### [EXERCISE DESCRIPTION]
Select the lines below containing the word "contexts".

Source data
*** Block opens ***
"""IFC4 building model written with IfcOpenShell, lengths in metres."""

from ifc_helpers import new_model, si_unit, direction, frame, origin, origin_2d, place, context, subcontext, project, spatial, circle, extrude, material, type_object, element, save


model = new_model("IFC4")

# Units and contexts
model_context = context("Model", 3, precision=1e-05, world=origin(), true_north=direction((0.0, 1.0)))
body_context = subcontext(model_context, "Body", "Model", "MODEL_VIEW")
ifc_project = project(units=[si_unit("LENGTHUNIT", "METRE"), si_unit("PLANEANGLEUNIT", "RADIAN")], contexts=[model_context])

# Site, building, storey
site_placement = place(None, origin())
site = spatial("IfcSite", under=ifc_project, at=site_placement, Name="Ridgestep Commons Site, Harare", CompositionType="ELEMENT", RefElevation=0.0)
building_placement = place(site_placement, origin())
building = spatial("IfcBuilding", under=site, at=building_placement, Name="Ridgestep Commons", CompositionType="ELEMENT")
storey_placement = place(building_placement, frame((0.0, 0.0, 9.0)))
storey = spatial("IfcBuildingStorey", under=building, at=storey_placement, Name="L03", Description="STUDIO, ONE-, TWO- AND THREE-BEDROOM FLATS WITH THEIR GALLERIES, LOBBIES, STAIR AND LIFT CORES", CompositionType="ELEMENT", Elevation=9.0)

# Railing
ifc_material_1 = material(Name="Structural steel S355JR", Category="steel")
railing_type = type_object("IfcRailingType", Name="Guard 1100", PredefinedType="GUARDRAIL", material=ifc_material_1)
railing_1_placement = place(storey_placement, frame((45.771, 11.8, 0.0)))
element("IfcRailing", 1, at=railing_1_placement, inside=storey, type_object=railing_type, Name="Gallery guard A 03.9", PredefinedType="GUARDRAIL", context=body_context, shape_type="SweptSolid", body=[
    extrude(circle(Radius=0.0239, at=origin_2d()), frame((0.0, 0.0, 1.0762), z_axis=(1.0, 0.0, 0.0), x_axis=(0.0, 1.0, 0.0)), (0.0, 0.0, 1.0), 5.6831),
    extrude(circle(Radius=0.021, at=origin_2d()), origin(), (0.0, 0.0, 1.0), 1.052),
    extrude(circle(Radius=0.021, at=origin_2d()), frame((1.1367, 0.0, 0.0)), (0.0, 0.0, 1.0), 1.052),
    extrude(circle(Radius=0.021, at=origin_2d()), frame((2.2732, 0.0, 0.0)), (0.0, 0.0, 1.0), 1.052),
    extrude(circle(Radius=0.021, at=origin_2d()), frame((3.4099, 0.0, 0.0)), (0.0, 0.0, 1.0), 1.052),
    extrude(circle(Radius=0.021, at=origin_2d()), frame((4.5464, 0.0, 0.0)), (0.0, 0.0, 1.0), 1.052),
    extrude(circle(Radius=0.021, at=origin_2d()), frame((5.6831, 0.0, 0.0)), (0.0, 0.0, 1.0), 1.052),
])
*** Block closes ***
### [TASK ANSWER]
# Units and contexts
ifc_project = project(units=[si_unit("LENGTHUNIT", "METRE"), si_unit("PLANEANGLEUNIT", "RADIAN")], contexts=[model_context])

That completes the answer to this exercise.